- WORK TO BE COMPLETED -
Among the records below, the line containing "steel beam HEB500',$,$,$,$,$,.BEAM.);" marks the start. Output it and all lines after it exactly.

- DATASET ENTRIES -
================================
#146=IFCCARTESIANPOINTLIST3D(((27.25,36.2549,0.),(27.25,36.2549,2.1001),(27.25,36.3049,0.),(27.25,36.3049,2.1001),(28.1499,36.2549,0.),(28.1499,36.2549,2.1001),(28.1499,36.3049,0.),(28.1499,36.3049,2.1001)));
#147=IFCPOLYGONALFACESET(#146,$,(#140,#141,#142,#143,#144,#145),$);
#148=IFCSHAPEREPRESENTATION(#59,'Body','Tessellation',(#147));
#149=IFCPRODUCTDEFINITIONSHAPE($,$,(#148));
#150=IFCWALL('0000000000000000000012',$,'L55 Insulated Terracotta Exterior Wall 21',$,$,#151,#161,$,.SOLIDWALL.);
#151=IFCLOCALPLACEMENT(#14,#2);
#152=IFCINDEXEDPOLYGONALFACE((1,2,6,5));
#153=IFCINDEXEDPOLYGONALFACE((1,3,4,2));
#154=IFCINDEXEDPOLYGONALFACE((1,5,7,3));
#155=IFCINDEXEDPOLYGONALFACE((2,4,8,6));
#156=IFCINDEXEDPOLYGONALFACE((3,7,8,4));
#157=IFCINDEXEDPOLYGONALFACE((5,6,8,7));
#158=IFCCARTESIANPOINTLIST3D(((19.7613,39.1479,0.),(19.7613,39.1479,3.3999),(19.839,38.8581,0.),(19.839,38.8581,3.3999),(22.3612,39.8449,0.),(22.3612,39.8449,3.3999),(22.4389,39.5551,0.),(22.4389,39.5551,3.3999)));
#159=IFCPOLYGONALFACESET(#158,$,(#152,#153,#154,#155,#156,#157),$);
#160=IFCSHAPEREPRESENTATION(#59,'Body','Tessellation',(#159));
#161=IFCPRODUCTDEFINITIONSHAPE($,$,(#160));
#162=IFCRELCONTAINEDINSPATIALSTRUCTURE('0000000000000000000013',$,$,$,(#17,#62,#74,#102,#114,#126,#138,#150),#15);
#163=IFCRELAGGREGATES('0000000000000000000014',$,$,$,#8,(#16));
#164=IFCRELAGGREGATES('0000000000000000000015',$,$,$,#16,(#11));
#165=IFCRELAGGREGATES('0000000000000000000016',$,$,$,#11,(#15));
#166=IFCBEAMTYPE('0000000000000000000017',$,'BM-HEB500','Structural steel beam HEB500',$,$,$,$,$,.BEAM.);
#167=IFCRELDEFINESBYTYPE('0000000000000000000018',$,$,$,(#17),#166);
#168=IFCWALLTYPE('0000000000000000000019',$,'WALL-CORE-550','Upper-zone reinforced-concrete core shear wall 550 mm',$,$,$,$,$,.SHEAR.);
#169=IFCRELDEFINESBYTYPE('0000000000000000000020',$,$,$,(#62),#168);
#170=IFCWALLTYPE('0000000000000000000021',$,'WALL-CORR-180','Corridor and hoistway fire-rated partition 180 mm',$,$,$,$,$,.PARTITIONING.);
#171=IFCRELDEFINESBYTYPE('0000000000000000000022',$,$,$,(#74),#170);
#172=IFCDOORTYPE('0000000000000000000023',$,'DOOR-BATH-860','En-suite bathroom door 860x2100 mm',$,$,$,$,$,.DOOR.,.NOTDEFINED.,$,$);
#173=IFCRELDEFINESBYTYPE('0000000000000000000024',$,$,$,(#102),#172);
================================
- TASK SOLUTION -
#166=IFCBEAMTYPE('0000000000000000000017',$,'BM-HEB500','Structural steel beam HEB500',$,$,$,$,$,.BEAM.);
#167=IFCRELDEFINESBYTYPE('0000000000000000000018',$,$,$,(#17),#166);
#168=IFCWALLTYPE('0000000000000000000019',$,'WALL-CORE-550','Upper-zone reinforced-concrete core shear wall 550 mm',$,$,$,$,$,.SHEAR.);
#169=IFCRELDEFINESBYTYPE('0000000000000000000020',$,$,$,(#62),#168);
#170=IFCWALLTYPE('0000000000000000000021',$,'WALL-CORR-180','Corridor and hoistway fire-rated partition 180 mm',$,$,$,$,$,.PARTITIONING.);
#171=IFCRELDEFINESBYTYPE('0000000000000000000022',$,$,$,(#74),#170);
#172=IFCDOORTYPE('0000000000000000000023',$,'DOOR-BATH-860','En-suite bathroom door 860x2100 mm',$,$,$,$,$,.DOOR.,.NOTDEFINED.,$,$);
#173=IFCRELDEFINESBYTYPE('0000000000000000000024',$,$,$,(#102),#172);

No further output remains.